> _WHAT YOU NEED TO DO_
Every line of the data below is to be written out again exactly.

[Stored items]
- - - -
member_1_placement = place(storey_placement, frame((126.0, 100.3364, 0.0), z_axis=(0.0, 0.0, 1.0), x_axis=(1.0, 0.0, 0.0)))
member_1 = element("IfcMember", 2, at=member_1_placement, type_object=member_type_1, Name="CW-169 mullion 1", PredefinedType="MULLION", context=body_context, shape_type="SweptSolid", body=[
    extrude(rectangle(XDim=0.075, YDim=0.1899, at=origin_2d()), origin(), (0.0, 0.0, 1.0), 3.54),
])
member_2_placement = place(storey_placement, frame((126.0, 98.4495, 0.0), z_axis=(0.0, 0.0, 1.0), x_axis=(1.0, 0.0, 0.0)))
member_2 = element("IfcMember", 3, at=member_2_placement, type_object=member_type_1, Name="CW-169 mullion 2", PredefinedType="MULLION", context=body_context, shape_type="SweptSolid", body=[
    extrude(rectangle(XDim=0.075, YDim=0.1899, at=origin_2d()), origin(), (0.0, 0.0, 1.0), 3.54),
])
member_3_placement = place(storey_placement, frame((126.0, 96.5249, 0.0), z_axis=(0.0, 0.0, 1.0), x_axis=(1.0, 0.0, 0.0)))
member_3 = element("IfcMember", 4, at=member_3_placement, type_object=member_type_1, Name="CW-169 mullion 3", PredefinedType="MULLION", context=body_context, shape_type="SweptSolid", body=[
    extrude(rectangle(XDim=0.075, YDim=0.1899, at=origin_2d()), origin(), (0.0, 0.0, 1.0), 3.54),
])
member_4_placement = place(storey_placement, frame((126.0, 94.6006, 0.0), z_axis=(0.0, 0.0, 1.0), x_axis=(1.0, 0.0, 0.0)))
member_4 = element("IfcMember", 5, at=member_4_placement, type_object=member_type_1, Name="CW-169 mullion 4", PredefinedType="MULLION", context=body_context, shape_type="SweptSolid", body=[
- - - -
> _SOLUTION FOR THIS PROBLEM_
member_1_placement = place(storey_placement, frame((126.0, 100.3364, 0.0), z_axis=(0.0, 0.0, 1.0), x_axis=(1.0, 0.0, 0.0)))
member_1 = element("IfcMember", 2, at=member_1_placement, type_object=member_type_1, Name="CW-169 mullion 1", PredefinedType="MULLION", context=body_context, shape_type="SweptSolid", body=[
    extrude(rectangle(XDim=0.075, YDim=0.1899, at=origin_2d()), origin(), (0.0, 0.0, 1.0), 3.54),
])
member_2_placement = place(storey_placement, frame((126.0, 98.4495, 0.0), z_axis=(0.0, 0.0, 1.0), x_axis=(1.0, 0.0, 0.0)))
member_2 = element("IfcMember", 3, at=member_2_placement, type_object=member_type_1, Name="CW-169 mullion 2", PredefinedType="MULLION", context=body_context, shape_type="SweptSolid", body=[
    extrude(rectangle(XDim=0.075, YDim=0.1899, at=origin_2d()), origin(), (0.0, 0.0, 1.0), 3.54),
])
member_3_placement = place(storey_placement, frame((126.0, 96.5249, 0.0), z_axis=(0.0, 0.0, 1.0), x_axis=(1.0, 0.0, 0.0)))
member_3 = element("IfcMember", 4, at=member_3_placement, type_object=member_type_1, Name="CW-169 mullion 3", PredefinedType="MULLION", context=body_context, shape_type="SweptSolid", body=[
    extrude(rectangle(XDim=0.075, YDim=0.1899, at=origin_2d()), origin(), (0.0, 0.0, 1.0), 3.54),
])
member_4_placement = place(storey_placement, frame((126.0, 94.6006, 0.0), z_axis=(0.0, 0.0, 1.0), x_axis=(1.0, 0.0, 0.0)))
member_4 = element("IfcMember", 5, at=member_4_placement, type_object=member_type_1, Name="CW-169 mullion 4", PredefinedType="MULLION", context=body_context, shape_type="SweptSolid", body=[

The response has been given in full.